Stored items

-*-*-

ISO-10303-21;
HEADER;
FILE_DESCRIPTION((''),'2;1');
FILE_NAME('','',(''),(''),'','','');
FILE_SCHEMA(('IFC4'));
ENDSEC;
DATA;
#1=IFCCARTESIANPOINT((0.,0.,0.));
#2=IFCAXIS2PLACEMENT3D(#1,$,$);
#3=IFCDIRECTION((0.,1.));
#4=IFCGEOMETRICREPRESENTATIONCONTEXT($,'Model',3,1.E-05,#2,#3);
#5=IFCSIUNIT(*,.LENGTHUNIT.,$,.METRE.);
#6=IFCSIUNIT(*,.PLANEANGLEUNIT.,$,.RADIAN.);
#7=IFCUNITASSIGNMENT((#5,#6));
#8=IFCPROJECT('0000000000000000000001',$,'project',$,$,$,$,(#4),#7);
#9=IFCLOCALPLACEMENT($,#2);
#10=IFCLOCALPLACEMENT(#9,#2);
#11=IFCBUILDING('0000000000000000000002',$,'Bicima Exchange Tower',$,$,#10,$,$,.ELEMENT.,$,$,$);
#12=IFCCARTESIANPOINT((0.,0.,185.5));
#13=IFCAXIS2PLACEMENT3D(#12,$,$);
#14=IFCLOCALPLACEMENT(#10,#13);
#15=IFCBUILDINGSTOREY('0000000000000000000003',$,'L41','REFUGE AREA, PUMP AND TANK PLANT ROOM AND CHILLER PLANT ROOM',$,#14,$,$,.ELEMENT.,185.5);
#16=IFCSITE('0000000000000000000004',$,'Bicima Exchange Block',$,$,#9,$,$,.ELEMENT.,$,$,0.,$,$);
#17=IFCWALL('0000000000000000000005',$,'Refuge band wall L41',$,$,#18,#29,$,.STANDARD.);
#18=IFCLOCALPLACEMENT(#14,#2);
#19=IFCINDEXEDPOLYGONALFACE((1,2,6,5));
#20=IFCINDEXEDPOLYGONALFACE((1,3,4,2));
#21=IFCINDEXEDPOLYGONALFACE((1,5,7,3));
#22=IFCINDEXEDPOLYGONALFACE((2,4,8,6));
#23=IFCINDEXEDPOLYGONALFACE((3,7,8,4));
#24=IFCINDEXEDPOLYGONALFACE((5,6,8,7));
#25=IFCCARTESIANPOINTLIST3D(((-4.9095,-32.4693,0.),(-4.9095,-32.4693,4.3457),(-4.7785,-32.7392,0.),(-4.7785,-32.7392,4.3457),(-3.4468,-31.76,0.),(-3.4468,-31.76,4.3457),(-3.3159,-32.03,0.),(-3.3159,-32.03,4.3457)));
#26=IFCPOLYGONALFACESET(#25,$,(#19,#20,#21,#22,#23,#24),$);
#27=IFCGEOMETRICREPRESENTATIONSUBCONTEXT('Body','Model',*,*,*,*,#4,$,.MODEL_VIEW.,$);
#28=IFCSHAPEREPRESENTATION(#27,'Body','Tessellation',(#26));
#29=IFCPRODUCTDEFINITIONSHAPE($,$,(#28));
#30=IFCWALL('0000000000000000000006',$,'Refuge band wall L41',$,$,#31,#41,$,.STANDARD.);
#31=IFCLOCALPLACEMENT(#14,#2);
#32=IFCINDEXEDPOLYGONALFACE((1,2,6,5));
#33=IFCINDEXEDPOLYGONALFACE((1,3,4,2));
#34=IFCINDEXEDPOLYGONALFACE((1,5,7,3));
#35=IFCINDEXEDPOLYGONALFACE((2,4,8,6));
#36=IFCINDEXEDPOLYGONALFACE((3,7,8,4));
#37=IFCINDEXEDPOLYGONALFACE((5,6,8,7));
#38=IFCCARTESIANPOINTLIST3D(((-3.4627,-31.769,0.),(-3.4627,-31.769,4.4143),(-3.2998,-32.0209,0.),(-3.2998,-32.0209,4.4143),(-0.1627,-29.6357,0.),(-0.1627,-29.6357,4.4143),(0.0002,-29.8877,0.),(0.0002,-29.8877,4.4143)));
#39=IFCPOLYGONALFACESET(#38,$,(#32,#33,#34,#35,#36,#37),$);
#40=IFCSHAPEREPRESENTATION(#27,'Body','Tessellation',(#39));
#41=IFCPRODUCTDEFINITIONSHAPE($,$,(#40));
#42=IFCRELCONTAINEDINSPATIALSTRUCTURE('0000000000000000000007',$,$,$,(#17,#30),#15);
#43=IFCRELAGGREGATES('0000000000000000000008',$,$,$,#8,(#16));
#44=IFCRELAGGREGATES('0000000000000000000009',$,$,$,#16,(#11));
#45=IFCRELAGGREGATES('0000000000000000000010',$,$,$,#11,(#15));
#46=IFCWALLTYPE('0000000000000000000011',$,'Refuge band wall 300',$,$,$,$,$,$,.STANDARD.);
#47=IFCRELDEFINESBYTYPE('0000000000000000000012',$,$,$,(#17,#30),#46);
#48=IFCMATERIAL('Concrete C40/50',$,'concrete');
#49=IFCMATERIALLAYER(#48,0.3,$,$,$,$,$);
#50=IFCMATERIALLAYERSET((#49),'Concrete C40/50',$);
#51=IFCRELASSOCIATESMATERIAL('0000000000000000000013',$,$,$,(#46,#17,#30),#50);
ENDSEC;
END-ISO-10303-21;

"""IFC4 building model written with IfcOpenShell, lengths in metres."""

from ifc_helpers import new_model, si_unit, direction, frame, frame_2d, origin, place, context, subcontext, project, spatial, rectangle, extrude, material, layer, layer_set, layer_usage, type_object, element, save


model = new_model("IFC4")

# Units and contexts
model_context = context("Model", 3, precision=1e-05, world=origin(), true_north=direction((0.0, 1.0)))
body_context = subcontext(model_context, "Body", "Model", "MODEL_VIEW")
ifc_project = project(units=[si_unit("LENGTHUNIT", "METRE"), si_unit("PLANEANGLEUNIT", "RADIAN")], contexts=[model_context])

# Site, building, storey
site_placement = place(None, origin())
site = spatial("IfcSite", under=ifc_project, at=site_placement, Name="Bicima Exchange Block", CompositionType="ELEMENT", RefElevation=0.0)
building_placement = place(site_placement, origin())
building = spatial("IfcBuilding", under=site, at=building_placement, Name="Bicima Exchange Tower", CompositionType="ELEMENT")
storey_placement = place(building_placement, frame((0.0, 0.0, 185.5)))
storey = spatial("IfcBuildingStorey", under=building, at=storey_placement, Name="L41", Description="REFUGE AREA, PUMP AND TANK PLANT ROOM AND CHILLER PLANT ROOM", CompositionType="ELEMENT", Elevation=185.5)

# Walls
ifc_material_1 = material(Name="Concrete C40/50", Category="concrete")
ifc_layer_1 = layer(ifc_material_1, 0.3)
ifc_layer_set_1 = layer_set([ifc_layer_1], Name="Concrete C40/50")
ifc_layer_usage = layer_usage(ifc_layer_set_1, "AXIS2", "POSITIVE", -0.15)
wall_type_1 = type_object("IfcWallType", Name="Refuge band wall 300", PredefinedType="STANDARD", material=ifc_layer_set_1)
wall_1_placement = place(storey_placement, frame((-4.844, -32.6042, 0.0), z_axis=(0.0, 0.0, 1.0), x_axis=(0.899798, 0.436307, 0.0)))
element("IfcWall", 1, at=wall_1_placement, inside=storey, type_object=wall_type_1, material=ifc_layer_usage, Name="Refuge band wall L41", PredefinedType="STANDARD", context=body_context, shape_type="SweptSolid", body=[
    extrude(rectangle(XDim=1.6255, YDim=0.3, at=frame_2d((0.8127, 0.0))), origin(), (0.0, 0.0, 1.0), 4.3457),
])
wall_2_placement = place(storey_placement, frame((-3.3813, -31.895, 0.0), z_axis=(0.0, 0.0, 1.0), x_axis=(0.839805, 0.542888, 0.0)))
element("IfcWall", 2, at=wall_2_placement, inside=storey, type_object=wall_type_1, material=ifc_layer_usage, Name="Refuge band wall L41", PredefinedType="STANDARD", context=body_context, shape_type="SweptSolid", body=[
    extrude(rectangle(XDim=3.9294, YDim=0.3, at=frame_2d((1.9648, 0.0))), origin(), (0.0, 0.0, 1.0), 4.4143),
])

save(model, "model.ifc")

-*-*-

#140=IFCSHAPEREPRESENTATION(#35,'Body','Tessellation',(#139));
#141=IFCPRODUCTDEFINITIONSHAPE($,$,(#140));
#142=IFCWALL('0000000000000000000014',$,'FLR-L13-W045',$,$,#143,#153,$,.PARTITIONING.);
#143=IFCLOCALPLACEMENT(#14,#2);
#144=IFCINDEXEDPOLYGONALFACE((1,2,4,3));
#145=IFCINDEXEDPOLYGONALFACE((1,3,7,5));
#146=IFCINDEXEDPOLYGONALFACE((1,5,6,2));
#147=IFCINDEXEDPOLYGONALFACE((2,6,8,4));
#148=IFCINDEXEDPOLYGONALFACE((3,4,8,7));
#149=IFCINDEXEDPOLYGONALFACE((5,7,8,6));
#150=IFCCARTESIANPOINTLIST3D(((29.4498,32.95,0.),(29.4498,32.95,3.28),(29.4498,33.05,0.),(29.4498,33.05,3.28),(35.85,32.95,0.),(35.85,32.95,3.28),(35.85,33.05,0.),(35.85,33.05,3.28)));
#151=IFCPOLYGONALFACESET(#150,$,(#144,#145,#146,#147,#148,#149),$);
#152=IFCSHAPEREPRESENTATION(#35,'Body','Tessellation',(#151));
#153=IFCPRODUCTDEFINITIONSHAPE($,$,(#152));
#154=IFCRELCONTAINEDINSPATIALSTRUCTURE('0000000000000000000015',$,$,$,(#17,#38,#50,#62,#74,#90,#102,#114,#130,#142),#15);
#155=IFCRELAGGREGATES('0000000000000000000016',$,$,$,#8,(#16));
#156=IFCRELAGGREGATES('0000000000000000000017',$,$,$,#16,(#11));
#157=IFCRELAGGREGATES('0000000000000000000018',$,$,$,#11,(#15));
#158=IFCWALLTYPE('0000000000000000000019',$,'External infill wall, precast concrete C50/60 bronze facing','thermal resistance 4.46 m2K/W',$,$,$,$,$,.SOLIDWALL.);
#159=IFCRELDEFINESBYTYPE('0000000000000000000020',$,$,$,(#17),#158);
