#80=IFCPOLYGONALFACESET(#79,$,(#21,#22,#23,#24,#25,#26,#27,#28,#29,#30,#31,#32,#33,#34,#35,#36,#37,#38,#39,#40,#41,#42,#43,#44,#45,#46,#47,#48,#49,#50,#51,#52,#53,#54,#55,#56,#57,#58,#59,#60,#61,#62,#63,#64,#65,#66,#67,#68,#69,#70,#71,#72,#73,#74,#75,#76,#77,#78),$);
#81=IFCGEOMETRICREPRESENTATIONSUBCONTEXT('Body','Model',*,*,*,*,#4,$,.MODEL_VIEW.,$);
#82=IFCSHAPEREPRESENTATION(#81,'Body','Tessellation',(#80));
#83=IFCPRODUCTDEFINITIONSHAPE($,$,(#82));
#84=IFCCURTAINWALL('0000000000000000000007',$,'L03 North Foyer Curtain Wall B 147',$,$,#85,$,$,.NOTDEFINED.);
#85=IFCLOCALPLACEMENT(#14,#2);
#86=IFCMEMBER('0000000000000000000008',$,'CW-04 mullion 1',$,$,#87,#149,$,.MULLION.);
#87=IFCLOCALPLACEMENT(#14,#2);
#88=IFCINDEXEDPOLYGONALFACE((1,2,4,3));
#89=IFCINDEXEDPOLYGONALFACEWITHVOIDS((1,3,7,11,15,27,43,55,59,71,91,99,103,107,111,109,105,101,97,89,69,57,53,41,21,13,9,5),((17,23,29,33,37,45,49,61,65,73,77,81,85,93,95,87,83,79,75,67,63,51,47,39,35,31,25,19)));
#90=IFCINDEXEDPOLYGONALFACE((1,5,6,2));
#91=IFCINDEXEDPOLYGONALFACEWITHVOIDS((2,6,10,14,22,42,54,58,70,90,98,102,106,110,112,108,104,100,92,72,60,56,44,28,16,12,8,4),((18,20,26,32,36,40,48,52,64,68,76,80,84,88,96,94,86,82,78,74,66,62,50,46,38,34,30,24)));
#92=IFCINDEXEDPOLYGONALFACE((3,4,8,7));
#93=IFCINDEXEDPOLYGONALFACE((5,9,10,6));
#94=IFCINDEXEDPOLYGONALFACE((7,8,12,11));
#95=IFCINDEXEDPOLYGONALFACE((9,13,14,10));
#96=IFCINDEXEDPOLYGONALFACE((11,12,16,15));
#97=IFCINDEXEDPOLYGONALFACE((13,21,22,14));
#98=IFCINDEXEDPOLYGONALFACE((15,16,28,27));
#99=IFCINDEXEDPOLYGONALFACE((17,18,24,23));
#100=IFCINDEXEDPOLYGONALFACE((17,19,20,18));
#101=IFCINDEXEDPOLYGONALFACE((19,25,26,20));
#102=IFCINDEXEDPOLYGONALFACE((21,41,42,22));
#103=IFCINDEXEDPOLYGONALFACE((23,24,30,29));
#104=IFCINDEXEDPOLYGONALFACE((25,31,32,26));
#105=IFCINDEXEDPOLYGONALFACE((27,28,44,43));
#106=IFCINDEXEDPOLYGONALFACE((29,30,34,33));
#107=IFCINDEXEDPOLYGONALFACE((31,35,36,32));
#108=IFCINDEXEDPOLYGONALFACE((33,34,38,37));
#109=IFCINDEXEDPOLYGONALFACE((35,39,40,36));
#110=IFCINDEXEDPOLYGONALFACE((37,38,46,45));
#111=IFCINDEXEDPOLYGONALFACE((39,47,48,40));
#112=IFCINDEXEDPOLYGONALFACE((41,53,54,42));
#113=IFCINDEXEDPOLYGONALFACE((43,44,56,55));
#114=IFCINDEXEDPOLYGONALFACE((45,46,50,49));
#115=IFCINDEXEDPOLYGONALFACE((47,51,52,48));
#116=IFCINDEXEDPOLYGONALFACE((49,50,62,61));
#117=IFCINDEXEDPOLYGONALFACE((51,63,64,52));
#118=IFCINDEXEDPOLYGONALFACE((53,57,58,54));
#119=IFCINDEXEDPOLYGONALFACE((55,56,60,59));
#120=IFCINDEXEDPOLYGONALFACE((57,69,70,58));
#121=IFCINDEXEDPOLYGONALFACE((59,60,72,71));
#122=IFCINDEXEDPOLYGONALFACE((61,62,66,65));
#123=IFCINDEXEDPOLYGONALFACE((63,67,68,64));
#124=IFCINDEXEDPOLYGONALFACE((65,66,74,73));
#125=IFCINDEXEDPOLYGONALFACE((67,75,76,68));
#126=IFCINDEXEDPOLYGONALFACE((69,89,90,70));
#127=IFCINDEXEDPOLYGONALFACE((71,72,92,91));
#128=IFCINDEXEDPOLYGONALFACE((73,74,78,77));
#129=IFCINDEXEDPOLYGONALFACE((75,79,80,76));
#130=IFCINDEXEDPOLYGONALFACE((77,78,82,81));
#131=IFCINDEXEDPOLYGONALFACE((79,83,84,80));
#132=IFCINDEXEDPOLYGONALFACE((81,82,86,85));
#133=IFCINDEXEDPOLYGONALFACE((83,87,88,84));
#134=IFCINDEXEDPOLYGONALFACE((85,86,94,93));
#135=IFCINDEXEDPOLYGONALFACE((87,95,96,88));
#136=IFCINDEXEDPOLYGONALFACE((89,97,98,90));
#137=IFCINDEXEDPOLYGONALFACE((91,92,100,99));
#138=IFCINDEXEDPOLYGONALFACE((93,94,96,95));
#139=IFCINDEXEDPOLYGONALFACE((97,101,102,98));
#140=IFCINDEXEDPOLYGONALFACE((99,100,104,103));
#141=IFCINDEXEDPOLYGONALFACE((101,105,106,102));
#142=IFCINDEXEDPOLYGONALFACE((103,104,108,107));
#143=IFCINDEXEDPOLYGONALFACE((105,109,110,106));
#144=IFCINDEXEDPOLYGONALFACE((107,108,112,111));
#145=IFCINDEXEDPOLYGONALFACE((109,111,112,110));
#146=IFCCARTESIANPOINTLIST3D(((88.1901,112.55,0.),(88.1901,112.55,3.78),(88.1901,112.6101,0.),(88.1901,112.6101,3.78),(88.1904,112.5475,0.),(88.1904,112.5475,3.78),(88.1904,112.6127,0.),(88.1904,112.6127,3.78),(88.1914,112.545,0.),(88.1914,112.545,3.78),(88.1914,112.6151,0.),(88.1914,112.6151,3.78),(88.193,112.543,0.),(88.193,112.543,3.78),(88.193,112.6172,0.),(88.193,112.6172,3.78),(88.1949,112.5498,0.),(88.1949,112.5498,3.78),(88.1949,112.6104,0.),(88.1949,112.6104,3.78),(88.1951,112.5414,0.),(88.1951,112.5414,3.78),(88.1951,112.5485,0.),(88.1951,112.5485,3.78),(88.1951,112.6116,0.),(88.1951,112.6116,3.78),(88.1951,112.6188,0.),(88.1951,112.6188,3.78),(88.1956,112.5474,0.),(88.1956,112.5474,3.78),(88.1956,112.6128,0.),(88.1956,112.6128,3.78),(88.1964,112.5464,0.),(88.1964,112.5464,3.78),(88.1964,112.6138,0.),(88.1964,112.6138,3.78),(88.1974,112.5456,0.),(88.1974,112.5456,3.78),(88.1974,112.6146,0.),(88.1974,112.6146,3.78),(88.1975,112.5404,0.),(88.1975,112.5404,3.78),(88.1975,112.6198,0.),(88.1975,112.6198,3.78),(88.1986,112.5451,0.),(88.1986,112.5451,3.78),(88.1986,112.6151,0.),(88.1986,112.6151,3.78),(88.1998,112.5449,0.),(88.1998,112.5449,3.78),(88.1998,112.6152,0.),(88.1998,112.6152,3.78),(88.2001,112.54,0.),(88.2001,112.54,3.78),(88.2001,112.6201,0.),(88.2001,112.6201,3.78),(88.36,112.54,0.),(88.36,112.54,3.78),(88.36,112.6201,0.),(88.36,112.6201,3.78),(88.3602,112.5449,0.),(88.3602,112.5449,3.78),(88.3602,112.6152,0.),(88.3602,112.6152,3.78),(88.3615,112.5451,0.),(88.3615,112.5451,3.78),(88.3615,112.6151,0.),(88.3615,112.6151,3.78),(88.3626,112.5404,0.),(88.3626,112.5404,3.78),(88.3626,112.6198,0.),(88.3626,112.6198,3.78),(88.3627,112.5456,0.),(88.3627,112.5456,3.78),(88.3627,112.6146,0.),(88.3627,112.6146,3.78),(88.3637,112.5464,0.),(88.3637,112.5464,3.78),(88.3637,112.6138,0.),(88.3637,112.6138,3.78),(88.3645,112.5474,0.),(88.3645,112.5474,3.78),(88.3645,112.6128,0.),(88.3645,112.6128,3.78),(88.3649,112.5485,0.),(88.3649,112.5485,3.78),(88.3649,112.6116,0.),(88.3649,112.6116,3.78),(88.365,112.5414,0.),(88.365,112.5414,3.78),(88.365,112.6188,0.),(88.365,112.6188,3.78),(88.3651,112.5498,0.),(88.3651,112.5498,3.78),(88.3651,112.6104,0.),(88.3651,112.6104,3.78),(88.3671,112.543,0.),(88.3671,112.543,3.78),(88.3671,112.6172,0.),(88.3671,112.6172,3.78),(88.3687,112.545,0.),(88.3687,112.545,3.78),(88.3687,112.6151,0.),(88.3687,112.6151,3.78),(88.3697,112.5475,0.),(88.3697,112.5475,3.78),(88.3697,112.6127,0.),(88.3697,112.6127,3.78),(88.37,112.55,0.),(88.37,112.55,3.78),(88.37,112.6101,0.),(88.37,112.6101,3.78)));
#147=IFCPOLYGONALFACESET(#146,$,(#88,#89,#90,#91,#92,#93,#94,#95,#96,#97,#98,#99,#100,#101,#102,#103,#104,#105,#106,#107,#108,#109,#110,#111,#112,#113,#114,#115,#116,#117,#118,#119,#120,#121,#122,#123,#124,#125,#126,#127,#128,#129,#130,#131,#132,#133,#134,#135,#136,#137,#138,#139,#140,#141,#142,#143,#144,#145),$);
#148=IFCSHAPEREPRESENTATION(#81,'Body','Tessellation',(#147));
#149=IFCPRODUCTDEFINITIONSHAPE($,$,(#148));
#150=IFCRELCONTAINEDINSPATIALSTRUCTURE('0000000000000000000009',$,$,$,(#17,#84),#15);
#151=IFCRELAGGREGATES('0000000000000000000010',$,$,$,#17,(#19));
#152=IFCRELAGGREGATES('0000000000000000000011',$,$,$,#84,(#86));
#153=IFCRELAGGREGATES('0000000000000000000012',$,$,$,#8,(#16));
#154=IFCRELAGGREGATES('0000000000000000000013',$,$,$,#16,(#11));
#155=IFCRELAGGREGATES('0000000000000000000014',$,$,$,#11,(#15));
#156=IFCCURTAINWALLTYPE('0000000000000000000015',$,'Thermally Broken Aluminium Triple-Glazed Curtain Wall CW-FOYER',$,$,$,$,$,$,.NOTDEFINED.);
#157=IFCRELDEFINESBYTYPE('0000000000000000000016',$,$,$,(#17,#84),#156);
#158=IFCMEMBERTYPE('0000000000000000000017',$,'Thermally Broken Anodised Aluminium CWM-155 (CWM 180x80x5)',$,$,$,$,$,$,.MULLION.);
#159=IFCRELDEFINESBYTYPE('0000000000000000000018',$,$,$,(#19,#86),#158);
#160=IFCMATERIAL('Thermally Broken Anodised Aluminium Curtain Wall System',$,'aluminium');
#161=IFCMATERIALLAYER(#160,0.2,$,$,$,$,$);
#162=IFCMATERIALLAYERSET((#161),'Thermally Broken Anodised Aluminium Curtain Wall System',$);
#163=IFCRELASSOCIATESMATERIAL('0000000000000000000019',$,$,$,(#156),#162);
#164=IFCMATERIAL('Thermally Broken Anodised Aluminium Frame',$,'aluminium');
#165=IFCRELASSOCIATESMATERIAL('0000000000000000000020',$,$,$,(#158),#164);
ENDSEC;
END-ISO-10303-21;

-*-*-

> **What to produce**
Your task is to restate, word for word, only those lines above that fall between the line holding "#101=IFCINDEXEDPOLYGONALFACE((19,25,26,20));" and the line holding "#137=IFCINDEXEDPOLYGONALFACE((91,92,100,99));", inclusive.

> **Solution to this problem**
#101=IFCINDEXEDPOLYGONALFACE((19,25,26,20));
#102=IFCINDEXEDPOLYGONALFACE((21,41,42,22));
#103=IFCINDEXEDPOLYGONALFACE((23,24,30,29));
#104=IFCINDEXEDPOLYGONALFACE((25,31,32,26));
#105=IFCINDEXEDPOLYGONALFACE((27,28,44,43));
#106=IFCINDEXEDPOLYGONALFACE((29,30,34,33));
#107=IFCINDEXEDPOLYGONALFACE((31,35,36,32));
#108=IFCINDEXEDPOLYGONALFACE((33,34,38,37));
#109=IFCINDEXEDPOLYGONALFACE((35,39,40,36));
#110=IFCINDEXEDPOLYGONALFACE((37,38,46,45));
#111=IFCINDEXEDPOLYGONALFACE((39,47,48,40));
#112=IFCINDEXEDPOLYGONALFACE((41,53,54,42));
#113=IFCINDEXEDPOLYGONALFACE((43,44,56,55));
#114=IFCINDEXEDPOLYGONALFACE((45,46,50,49));
#115=IFCINDEXEDPOLYGONALFACE((47,51,52,48));
#116=IFCINDEXEDPOLYGONALFACE((49,50,62,61));
#117=IFCINDEXEDPOLYGONALFACE((51,63,64,52));
#118=IFCINDEXEDPOLYGONALFACE((53,57,58,54));
#119=IFCINDEXEDPOLYGONALFACE((55,56,60,59));
#120=IFCINDEXEDPOLYGONALFACE((57,69,70,58));
#121=IFCINDEXEDPOLYGONALFACE((59,60,72,71));
#122=IFCINDEXEDPOLYGONALFACE((61,62,66,65));
#123=IFCINDEXEDPOLYGONALFACE((63,67,68,64));
#124=IFCINDEXEDPOLYGONALFACE((65,66,74,73));
#125=IFCINDEXEDPOLYGONALFACE((67,75,76,68));
#126=IFCINDEXEDPOLYGONALFACE((69,89,90,70));
#127=IFCINDEXEDPOLYGONALFACE((71,72,92,91));
#128=IFCINDEXEDPOLYGONALFACE((73,74,78,77));
#129=IFCINDEXEDPOLYGONALFACE((75,79,80,76));
#130=IFCINDEXEDPOLYGONALFACE((77,78,82,81));
#131=IFCINDEXEDPOLYGONALFACE((79,83,84,80));
#132=IFCINDEXEDPOLYGONALFACE((81,82,86,85));
#133=IFCINDEXEDPOLYGONALFACE((83,87,88,84));
#134=IFCINDEXEDPOLYGONALFACE((85,86,94,93));
#135=IFCINDEXEDPOLYGONALFACE((87,95,96,88));
#136=IFCINDEXEDPOLYGONALFACE((89,97,98,90));
#137=IFCINDEXEDPOLYGONALFACE((91,92,100,99));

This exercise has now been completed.